# WHAT YOU SHOULD DO
Begin with the first line of the listing and quote every line through the one containing "site_placement = place(None, origin())"; give only those lines.

# DATASET EXTRACT
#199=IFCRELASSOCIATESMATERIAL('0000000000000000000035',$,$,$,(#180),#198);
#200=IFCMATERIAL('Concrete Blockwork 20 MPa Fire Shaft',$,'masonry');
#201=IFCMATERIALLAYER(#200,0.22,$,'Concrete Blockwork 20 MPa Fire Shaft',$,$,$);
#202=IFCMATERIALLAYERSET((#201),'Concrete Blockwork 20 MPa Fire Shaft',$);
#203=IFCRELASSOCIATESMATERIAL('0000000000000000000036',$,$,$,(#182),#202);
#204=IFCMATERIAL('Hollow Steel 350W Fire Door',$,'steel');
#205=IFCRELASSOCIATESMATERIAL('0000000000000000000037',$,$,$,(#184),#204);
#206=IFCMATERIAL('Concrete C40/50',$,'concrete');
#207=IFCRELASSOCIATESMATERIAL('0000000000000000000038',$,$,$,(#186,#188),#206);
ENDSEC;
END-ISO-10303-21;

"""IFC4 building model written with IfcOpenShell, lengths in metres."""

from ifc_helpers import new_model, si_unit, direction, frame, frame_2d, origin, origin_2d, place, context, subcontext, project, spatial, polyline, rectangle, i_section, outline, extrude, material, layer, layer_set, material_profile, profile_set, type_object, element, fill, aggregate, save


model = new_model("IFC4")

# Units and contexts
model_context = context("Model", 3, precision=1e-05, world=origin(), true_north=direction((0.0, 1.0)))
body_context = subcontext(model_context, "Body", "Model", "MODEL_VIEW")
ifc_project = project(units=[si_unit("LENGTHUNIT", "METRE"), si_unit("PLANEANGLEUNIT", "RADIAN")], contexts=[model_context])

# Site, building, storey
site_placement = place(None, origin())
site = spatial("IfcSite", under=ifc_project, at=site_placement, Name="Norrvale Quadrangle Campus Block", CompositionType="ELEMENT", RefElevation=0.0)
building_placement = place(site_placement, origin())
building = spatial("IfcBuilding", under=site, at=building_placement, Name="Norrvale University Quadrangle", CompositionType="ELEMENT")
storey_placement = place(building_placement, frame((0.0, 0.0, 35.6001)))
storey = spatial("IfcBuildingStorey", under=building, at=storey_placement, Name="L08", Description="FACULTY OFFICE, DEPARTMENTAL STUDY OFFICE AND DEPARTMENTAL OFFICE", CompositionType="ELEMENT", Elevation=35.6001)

# RESULT OF THE TASK
#199=IFCRELASSOCIATESMATERIAL('0000000000000000000035',$,$,$,(#180),#198);
#200=IFCMATERIAL('Concrete Blockwork 20 MPa Fire Shaft',$,'masonry');
#201=IFCMATERIALLAYER(#200,0.22,$,'Concrete Blockwork 20 MPa Fire Shaft',$,$,$);
#202=IFCMATERIALLAYERSET((#201),'Concrete Blockwork 20 MPa Fire Shaft',$);
#203=IFCRELASSOCIATESMATERIAL('0000000000000000000036',$,$,$,(#182),#202);
#204=IFCMATERIAL('Hollow Steel 350W Fire Door',$,'steel');
#205=IFCRELASSOCIATESMATERIAL('0000000000000000000037',$,$,$,(#184),#204);
#206=IFCMATERIAL('Concrete C40/50',$,'concrete');
#207=IFCRELASSOCIATESMATERIAL('0000000000000000000038',$,$,$,(#186,#188),#206);
ENDSEC;
END-ISO-10303-21;

"""IFC4 building model written with IfcOpenShell, lengths in metres."""

from ifc_helpers import new_model, si_unit, direction, frame, frame_2d, origin, origin_2d, place, context, subcontext, project, spatial, polyline, rectangle, i_section, outline, extrude, material, layer, layer_set, material_profile, profile_set, type_object, element, fill, aggregate, save


model = new_model("IFC4")

# Units and contexts
model_context = context("Model", 3, precision=1e-05, world=origin(), true_north=direction((0.0, 1.0)))
body_context = subcontext(model_context, "Body", "Model", "MODEL_VIEW")
ifc_project = project(units=[si_unit("LENGTHUNIT", "METRE"), si_unit("PLANEANGLEUNIT", "RADIAN")], contexts=[model_context])

# Site, building, storey
site_placement = place(None, origin())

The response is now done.